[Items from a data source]
----------
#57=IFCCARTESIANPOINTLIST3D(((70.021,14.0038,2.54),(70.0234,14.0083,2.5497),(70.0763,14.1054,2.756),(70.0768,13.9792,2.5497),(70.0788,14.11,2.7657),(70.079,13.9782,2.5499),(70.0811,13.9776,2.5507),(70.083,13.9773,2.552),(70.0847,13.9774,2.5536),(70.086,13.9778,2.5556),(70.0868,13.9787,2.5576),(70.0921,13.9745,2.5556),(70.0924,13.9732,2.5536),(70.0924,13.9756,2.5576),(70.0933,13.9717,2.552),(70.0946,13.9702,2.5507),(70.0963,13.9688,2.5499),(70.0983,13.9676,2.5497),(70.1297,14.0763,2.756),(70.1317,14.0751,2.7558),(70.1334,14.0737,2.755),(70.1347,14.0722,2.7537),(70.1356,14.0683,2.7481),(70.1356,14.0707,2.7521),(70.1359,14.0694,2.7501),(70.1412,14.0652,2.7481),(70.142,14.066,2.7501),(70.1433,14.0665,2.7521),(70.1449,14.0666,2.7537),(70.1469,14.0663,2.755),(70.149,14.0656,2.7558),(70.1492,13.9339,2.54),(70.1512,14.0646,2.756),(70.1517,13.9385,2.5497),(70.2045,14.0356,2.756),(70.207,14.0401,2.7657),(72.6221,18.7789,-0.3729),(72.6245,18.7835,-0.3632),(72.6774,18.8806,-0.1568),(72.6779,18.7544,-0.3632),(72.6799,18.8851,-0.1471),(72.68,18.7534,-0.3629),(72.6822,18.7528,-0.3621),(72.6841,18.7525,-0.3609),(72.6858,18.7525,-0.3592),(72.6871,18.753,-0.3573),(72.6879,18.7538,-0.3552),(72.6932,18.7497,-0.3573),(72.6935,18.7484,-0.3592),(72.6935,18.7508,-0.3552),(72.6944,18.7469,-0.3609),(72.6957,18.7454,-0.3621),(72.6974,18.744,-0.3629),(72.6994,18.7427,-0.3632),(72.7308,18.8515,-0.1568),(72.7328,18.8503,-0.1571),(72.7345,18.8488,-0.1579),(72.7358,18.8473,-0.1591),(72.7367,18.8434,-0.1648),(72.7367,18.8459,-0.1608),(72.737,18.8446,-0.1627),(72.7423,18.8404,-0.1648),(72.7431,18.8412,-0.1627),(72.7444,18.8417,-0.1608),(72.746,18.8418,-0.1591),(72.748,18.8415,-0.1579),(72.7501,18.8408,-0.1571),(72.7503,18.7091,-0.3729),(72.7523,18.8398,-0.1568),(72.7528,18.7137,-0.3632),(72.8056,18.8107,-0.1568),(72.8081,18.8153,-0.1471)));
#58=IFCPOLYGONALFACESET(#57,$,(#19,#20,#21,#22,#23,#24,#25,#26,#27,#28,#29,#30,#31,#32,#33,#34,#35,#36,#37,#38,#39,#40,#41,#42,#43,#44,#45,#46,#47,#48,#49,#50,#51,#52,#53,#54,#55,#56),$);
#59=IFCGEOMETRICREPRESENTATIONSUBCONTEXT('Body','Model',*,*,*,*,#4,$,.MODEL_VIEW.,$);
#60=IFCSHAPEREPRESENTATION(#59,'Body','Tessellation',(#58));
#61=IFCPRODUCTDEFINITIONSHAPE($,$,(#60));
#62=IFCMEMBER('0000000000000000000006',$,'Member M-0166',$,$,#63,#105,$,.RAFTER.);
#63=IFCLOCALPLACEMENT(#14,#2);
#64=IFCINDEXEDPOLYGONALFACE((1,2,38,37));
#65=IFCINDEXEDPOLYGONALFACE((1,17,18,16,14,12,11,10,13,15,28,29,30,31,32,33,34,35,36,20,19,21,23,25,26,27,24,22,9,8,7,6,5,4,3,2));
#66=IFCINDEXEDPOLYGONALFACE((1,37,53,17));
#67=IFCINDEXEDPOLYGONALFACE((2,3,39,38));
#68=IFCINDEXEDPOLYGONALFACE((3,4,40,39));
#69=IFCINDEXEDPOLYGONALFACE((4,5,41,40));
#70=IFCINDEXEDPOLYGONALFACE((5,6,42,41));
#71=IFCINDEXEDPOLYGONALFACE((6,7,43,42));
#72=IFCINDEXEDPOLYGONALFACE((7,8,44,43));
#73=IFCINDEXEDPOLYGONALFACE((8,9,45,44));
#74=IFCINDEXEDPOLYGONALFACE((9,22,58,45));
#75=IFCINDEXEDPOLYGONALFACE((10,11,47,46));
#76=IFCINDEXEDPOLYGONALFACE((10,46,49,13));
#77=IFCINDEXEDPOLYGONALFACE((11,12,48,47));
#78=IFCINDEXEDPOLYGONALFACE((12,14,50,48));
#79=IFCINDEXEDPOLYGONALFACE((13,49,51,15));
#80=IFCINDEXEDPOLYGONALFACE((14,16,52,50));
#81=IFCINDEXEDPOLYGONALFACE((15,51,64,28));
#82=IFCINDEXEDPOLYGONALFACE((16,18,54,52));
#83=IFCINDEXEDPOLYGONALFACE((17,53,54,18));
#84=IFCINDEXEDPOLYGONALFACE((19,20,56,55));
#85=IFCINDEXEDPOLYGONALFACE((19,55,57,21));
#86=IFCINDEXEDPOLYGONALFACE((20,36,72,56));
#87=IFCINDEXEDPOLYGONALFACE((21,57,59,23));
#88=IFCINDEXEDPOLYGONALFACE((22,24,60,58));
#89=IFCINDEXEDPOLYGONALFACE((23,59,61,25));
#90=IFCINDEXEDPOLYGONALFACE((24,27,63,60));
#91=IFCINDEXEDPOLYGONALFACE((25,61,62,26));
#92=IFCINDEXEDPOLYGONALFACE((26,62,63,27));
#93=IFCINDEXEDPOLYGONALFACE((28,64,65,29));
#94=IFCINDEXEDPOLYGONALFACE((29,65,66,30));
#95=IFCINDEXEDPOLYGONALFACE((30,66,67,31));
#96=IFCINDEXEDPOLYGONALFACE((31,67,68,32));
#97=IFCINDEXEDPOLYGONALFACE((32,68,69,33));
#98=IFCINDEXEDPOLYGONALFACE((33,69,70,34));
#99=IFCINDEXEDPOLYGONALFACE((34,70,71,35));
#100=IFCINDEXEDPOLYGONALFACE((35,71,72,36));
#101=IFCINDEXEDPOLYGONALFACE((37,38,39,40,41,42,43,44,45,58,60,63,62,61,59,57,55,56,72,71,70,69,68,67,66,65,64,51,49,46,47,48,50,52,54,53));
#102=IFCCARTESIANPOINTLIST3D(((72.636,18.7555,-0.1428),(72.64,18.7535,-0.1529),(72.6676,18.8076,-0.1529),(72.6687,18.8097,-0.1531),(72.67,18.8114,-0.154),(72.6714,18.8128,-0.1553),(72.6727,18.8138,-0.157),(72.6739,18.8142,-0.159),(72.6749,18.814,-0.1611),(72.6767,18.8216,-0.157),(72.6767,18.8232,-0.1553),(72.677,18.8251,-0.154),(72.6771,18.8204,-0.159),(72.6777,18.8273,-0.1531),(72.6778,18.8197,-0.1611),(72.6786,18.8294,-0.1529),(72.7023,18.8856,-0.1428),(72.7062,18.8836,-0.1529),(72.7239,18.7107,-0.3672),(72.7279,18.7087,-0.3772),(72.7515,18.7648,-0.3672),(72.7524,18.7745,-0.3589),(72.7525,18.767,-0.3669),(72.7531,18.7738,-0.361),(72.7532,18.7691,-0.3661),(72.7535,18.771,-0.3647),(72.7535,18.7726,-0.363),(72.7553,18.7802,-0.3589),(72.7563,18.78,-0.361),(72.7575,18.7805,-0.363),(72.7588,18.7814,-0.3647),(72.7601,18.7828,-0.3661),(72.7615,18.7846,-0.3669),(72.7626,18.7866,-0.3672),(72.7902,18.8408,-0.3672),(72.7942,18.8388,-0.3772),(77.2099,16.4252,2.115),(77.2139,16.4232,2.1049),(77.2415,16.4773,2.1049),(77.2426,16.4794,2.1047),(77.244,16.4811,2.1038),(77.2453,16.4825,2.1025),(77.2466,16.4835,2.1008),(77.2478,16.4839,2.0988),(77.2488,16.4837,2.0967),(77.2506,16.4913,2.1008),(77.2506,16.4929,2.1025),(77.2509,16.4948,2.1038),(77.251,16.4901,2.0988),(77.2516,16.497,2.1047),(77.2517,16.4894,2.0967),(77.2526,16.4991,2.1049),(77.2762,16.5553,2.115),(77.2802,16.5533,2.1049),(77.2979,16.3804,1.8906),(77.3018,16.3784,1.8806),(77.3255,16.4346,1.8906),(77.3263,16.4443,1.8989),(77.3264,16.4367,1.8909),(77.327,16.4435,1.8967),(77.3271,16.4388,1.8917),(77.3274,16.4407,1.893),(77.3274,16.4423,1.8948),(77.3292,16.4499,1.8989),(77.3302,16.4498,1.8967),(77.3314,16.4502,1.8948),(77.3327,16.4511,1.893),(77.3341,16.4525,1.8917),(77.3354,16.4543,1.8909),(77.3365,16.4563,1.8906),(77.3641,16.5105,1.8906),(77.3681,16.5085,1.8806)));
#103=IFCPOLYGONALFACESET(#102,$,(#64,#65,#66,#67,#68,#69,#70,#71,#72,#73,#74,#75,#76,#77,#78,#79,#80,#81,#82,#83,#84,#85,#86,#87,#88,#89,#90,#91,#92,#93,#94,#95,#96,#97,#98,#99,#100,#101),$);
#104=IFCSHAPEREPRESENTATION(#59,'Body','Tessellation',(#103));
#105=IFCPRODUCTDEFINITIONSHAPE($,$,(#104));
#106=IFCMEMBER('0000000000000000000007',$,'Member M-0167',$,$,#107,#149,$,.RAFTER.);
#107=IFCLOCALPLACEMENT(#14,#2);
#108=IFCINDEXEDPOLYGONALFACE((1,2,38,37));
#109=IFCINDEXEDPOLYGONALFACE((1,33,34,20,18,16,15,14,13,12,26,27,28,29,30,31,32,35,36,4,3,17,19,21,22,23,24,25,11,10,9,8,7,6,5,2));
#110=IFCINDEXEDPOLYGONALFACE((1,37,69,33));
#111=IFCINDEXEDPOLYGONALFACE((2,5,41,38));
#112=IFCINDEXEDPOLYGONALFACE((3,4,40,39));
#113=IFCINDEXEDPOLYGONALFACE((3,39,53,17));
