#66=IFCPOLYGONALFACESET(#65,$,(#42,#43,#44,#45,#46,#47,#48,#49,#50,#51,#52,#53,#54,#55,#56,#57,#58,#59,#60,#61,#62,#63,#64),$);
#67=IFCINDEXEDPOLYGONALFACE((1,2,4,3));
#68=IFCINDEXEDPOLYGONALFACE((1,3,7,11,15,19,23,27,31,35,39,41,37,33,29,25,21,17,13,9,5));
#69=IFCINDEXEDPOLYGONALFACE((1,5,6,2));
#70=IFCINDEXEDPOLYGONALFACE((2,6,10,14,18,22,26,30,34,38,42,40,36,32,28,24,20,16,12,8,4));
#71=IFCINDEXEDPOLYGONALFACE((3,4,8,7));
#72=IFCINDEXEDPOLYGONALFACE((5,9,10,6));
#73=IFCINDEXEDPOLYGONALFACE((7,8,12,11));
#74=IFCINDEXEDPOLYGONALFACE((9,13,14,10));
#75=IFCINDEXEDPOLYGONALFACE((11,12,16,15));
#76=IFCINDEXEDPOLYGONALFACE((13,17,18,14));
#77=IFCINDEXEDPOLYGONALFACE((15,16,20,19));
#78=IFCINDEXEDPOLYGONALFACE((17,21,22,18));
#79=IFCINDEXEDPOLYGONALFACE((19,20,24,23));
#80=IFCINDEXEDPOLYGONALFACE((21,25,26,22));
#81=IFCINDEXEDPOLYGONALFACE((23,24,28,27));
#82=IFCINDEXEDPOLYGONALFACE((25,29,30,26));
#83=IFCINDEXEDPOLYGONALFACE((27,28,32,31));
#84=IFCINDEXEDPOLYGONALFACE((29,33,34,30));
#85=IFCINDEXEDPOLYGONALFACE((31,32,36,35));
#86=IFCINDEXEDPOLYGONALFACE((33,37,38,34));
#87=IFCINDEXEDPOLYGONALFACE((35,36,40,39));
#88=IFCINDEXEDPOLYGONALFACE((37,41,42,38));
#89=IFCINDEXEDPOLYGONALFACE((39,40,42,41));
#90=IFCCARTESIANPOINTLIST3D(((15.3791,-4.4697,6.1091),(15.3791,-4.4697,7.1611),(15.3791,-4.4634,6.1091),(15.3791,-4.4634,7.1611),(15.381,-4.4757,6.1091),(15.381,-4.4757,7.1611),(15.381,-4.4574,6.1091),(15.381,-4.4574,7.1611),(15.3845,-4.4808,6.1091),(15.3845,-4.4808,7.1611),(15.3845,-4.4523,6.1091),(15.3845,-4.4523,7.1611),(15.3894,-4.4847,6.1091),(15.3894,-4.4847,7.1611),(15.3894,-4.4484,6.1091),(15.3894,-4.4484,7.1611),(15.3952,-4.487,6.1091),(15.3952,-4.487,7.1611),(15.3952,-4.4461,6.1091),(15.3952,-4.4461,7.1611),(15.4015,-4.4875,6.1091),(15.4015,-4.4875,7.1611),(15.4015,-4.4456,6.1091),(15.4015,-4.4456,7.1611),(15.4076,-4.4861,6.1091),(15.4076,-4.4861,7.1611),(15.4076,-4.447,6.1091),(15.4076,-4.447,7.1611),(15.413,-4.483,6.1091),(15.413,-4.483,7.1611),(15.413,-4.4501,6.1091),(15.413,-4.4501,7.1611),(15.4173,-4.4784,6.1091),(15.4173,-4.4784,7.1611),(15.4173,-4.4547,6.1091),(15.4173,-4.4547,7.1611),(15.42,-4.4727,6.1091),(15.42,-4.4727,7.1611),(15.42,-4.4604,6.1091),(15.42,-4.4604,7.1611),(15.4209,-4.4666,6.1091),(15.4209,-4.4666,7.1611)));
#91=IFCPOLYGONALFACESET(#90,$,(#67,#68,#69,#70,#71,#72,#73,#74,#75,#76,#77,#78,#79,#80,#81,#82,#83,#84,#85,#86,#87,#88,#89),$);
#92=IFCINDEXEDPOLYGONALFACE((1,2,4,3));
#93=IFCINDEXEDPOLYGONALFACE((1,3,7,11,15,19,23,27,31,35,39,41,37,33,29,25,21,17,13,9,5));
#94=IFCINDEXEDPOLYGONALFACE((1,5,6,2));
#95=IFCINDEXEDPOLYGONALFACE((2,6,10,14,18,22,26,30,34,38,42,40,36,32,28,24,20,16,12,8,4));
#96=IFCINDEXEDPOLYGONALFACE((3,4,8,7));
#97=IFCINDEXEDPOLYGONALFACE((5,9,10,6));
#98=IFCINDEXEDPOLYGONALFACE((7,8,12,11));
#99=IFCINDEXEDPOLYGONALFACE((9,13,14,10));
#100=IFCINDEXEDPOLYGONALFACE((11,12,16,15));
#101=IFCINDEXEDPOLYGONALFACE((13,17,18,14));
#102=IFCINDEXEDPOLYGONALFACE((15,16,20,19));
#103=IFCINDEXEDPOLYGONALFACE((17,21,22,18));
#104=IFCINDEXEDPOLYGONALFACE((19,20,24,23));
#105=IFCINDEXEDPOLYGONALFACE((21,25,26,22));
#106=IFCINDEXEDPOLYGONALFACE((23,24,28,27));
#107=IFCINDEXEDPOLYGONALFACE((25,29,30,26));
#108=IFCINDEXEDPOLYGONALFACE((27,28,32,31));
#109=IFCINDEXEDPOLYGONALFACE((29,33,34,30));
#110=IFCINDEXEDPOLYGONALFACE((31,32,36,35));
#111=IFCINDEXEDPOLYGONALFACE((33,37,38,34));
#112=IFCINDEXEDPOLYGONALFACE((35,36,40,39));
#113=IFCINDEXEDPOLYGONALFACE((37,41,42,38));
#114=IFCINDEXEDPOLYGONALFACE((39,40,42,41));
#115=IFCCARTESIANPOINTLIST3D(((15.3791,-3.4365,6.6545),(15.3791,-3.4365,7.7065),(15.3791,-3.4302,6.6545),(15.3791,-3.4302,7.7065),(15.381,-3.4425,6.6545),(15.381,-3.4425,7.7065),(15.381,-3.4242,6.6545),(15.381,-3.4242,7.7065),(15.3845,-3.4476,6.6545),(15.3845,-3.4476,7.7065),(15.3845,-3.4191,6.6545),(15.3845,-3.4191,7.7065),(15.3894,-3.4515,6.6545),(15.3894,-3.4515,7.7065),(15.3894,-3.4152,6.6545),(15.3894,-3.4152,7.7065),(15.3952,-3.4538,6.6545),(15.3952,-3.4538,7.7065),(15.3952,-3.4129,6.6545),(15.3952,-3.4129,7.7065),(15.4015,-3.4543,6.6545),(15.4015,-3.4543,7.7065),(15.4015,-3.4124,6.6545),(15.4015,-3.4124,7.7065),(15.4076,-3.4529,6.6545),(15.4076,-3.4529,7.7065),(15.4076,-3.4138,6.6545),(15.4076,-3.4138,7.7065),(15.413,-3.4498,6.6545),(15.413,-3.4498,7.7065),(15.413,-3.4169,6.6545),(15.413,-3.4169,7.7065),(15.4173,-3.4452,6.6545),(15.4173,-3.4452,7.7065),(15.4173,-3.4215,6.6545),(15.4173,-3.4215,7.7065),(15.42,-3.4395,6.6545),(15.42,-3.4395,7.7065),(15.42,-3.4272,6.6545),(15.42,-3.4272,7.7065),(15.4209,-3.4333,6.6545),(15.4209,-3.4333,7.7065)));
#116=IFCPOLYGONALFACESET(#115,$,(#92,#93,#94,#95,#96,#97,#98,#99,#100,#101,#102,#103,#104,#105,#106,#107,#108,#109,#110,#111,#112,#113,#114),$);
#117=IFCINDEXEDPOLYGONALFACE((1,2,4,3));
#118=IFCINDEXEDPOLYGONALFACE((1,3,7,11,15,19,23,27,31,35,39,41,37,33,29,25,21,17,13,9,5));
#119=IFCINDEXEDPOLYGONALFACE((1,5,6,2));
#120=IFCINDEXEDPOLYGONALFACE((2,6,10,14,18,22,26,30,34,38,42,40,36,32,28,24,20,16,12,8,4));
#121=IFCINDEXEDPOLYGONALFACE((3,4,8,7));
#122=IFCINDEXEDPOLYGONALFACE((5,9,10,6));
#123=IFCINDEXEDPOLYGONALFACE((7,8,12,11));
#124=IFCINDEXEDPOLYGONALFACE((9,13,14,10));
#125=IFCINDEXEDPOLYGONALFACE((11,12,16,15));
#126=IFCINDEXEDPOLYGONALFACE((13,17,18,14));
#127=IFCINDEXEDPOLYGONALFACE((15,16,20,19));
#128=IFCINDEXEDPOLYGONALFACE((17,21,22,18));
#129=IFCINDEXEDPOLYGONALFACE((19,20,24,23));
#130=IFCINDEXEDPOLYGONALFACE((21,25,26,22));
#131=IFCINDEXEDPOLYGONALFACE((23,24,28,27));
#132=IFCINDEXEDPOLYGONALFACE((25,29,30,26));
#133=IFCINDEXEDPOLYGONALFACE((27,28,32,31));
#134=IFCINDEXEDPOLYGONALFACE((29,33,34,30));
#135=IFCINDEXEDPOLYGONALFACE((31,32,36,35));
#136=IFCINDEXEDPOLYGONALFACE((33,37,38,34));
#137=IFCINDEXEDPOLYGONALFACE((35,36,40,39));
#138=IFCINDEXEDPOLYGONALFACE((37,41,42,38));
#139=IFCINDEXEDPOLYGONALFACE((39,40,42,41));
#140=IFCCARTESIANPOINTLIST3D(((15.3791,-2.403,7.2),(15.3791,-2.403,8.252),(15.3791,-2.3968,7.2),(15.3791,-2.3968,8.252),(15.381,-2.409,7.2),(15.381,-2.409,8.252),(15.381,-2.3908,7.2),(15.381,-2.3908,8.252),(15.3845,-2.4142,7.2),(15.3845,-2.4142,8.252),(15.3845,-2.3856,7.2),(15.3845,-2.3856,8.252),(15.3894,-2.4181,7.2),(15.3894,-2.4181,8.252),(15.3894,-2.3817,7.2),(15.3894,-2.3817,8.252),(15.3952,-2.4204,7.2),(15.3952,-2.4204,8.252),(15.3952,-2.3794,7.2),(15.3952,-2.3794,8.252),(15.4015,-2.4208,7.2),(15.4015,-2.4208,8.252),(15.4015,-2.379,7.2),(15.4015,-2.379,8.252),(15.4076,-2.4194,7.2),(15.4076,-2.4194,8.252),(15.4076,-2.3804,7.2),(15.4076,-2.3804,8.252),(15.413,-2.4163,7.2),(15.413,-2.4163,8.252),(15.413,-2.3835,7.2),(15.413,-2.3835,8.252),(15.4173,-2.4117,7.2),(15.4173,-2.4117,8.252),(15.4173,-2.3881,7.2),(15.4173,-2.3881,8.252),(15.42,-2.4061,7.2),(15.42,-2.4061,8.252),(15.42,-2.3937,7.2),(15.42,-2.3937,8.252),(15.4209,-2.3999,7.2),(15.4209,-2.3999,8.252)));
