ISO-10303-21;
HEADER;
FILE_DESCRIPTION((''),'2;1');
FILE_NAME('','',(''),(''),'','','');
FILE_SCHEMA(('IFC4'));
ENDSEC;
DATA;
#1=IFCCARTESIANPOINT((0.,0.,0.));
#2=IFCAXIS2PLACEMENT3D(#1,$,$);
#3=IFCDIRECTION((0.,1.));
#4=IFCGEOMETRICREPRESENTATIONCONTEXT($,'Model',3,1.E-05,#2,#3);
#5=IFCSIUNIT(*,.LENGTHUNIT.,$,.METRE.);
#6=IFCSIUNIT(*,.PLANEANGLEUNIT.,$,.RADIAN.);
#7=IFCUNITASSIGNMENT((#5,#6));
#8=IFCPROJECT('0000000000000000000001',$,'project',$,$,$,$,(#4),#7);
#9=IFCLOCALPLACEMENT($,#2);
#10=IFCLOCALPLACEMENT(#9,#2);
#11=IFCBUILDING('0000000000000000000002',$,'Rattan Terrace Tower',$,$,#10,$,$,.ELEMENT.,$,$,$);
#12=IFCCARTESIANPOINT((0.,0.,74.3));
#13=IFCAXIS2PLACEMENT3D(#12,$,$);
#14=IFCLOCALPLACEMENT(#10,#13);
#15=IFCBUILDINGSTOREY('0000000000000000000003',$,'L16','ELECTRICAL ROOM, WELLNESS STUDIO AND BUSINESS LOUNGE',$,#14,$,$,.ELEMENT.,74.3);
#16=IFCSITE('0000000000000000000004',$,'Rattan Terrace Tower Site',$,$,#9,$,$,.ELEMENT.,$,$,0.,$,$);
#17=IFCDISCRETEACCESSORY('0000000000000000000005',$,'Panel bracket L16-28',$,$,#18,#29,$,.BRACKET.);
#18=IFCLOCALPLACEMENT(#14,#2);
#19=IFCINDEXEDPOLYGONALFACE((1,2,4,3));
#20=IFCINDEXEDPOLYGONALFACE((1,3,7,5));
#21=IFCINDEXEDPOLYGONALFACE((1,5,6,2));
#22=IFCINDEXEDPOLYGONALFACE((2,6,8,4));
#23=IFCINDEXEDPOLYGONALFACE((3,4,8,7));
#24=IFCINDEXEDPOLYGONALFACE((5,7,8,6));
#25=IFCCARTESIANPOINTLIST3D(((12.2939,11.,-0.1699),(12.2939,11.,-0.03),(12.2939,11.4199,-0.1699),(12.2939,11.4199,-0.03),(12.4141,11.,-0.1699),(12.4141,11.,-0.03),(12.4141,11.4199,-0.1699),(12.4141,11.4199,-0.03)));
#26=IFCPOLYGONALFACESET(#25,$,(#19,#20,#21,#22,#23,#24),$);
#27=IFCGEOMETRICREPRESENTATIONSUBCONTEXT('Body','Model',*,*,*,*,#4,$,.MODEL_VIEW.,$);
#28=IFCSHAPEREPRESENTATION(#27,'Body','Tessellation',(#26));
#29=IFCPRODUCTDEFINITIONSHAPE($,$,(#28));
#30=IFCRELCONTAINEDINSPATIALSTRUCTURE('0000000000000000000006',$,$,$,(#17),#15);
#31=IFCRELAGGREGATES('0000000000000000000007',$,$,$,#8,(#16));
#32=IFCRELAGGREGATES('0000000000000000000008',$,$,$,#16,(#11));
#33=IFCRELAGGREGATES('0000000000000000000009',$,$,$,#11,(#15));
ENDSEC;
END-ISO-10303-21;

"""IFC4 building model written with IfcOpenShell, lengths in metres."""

from ifc_helpers import new_model, si_unit, direction, frame, origin, origin_2d, place, context, subcontext, project, spatial, rectangle, extrude, element, save


model = new_model("IFC4")

# Units and contexts
model_context = context("Model", 3, precision=1e-05, world=origin(), true_north=direction((0.0, 1.0)))
body_context = subcontext(model_context, "Body", "Model", "MODEL_VIEW")
ifc_project = project(units=[si_unit("LENGTHUNIT", "METRE"), si_unit("PLANEANGLEUNIT", "RADIAN")], contexts=[model_context])

# Site, building, storey
site_placement = place(None, origin())
site = spatial("IfcSite", under=ifc_project, at=site_placement, Name="Rattan Terrace Tower Site", CompositionType="ELEMENT", RefElevation=0.0)
building_placement = place(site_placement, origin())
building = spatial("IfcBuilding", under=site, at=building_placement, Name="Rattan Terrace Tower", CompositionType="ELEMENT")
storey_placement = place(building_placement, frame((0.0, 0.0, 74.3)))
storey = spatial("IfcBuildingStorey", under=building, at=storey_placement, Name="L16", Description="ELECTRICAL ROOM, WELLNESS STUDIO AND BUSINESS LOUNGE", CompositionType="ELEMENT", Elevation=74.3)

# Discrete accessory
discrete_accessory_placement = place(storey_placement, frame((12.354, 11.21, -0.1699), z_axis=(0.0, 0.0, 1.0), x_axis=(-1.0, 0.0, 0.0)))
element("IfcDiscreteAccessory", 1, at=discrete_accessory_placement, inside=storey, Name="Panel bracket L16-28", PredefinedType="BRACKET", context=body_context, shape_type="SweptSolid", body=[
    extrude(rectangle(XDim=0.1201, YDim=0.4199, at=origin_2d()), origin(), (0.0, 0.0, 1.0), 0.1399),
])

save(model, "model.ifc")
----------
Write out exactly the lines above from the line with "#66=IFCINDEXEDPOLYGONALFACE((1,37,53,17));" through the line with "#77=IFCINDEXEDPOLYGONALFACE((11,12,48,47));", both of them included, and leave out all other lines.

• **RESULT FOR THIS TASK**:
#66=IFCINDEXEDPOLYGONALFACE((1,37,53,17));
#67=IFCINDEXEDPOLYGONALFACE((2,3,39,38));
#68=IFCINDEXEDPOLYGONALFACE((3,4,40,39));
#69=IFCINDEXEDPOLYGONALFACE((4,5,41,40));
#70=IFCINDEXEDPOLYGONALFACE((5,6,42,41));
#71=IFCINDEXEDPOLYGONALFACE((6,7,43,42));
#72=IFCINDEXEDPOLYGONALFACE((7,8,44,43));
#73=IFCINDEXEDPOLYGONALFACE((8,9,45,44));
#74=IFCINDEXEDPOLYGONALFACE((9,22,58,45));
#75=IFCINDEXEDPOLYGONALFACE((10,11,47,46));
#76=IFCINDEXEDPOLYGONALFACE((10,46,49,13));
#77=IFCINDEXEDPOLYGONALFACE((11,12,48,47));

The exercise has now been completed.